### YOUR TASK
Starting at the line that contains "River North Bank" and ending at the line that contains "# Wall, opening, door", the lines below are to be given again exactly, with nothing added.

___ DATASET

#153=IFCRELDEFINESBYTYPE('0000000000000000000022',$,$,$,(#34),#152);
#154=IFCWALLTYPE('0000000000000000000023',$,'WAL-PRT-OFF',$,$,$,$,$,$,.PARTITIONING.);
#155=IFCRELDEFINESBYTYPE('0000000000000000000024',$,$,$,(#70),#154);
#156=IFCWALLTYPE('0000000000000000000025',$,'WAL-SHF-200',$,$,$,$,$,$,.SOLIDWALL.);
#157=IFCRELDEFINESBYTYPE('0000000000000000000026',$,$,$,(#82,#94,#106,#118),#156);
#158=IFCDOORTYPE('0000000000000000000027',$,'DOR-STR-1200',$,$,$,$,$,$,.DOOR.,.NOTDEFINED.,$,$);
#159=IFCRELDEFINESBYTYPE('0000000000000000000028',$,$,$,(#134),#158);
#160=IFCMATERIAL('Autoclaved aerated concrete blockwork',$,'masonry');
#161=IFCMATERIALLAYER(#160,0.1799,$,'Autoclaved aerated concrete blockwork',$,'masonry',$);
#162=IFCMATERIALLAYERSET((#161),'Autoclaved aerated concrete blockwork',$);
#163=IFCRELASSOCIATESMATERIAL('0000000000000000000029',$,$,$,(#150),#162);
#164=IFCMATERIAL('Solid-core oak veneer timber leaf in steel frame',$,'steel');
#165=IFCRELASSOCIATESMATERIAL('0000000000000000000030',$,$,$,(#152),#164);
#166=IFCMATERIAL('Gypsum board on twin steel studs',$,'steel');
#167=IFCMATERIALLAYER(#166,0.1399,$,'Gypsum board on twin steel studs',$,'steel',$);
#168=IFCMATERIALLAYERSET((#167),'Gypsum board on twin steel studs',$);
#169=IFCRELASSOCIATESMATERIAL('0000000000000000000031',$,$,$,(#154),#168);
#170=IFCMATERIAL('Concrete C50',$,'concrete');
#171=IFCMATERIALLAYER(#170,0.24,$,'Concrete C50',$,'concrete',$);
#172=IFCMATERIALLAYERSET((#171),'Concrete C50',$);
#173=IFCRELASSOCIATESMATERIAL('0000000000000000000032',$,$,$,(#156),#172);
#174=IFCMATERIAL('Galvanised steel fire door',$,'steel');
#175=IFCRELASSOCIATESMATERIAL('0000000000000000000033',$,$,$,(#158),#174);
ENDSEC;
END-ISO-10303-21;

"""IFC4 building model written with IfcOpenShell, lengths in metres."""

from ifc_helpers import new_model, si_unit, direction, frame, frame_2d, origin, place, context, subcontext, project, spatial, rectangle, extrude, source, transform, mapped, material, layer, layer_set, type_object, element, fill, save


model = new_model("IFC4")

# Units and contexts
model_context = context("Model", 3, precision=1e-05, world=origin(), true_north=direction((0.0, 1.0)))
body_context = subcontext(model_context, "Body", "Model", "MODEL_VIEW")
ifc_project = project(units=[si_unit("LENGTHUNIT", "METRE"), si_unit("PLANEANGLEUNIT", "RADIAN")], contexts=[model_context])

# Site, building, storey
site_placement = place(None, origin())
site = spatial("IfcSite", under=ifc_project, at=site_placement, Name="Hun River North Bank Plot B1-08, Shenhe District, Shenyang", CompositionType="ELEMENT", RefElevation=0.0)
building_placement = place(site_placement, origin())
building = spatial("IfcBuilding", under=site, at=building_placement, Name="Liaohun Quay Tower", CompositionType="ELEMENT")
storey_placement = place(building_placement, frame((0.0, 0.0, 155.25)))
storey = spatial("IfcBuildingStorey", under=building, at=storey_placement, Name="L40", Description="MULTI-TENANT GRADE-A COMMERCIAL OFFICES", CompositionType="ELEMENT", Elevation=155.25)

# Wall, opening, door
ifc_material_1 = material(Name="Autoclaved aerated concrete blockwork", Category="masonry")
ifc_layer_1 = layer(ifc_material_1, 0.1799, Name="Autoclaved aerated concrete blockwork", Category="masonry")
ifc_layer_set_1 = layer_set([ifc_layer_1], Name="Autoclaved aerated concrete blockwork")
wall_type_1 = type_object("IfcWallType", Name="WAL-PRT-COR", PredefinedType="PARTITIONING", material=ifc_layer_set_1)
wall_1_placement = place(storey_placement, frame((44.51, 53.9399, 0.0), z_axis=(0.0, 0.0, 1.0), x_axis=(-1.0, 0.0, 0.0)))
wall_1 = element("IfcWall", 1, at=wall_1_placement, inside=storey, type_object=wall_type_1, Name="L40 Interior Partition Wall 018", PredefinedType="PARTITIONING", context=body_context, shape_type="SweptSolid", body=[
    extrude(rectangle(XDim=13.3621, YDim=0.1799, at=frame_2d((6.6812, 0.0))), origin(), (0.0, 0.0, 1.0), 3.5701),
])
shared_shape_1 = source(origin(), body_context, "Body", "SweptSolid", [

______
___ DATASET

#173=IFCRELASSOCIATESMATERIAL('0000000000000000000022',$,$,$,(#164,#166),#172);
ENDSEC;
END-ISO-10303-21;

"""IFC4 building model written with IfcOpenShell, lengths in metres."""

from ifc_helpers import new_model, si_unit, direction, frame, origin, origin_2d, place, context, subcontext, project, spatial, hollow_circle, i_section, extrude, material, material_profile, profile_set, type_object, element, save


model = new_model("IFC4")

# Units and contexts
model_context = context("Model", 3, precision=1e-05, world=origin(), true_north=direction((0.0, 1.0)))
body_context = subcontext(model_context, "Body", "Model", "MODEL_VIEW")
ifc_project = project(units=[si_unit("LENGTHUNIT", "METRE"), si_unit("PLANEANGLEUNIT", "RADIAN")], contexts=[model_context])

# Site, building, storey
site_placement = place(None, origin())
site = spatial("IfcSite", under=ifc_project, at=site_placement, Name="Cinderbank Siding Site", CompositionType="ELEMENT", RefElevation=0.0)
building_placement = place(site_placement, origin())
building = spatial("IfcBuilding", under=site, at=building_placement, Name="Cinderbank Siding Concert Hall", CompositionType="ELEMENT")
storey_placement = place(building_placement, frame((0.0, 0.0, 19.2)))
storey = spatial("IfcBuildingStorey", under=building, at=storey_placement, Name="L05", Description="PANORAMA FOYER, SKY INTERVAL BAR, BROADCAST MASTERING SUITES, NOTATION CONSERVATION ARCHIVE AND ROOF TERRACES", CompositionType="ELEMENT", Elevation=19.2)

______

### TASK ANSWER
site = spatial("IfcSite", under=ifc_project, at=site_placement, Name="Hun River North Bank Plot B1-08, Shenhe District, Shenyang", CompositionType="ELEMENT", RefElevation=0.0)
building_placement = place(site_placement, origin())
building = spatial("IfcBuilding", under=site, at=building_placement, Name="Liaohun Quay Tower", CompositionType="ELEMENT")
storey_placement = place(building_placement, frame((0.0, 0.0, 155.25)))
storey = spatial("IfcBuildingStorey", under=building, at=storey_placement, Name="L40", Description="MULTI-TENANT GRADE-A COMMERCIAL OFFICES", CompositionType="ELEMENT", Elevation=155.25)

# Wall, opening, door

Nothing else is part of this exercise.